**Exercise requirements**
Determine how many lines of the data include the word "steel", and write only that number.
== Segment start ==
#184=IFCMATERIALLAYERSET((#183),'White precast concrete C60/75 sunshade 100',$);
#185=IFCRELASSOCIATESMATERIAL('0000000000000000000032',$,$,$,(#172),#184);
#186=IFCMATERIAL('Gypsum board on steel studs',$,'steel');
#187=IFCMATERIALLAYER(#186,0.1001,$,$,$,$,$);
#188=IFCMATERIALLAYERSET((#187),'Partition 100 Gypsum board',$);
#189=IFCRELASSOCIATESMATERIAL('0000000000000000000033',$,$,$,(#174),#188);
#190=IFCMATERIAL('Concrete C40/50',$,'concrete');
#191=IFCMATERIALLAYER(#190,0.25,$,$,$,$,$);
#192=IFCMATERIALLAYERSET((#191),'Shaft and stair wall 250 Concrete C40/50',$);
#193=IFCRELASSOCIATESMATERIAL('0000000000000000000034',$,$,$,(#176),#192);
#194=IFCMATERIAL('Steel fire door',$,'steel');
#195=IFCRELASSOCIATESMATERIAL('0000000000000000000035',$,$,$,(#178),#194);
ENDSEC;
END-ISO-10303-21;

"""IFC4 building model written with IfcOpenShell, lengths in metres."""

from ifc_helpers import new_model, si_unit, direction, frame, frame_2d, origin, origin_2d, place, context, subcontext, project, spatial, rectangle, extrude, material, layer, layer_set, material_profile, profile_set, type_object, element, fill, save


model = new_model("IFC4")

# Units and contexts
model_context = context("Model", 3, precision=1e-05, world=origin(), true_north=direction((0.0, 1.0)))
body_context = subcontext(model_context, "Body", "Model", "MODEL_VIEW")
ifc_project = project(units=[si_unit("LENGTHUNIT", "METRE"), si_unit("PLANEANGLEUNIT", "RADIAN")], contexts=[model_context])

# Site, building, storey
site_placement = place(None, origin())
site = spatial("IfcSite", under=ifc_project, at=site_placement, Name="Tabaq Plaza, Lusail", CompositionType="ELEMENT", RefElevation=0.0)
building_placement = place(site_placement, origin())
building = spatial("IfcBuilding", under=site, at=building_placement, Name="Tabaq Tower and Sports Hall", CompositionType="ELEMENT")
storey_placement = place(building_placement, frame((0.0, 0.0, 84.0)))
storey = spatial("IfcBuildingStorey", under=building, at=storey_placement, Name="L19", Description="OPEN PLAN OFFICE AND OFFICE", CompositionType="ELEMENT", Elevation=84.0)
== Segment end ==
**Reply to the exercise**
2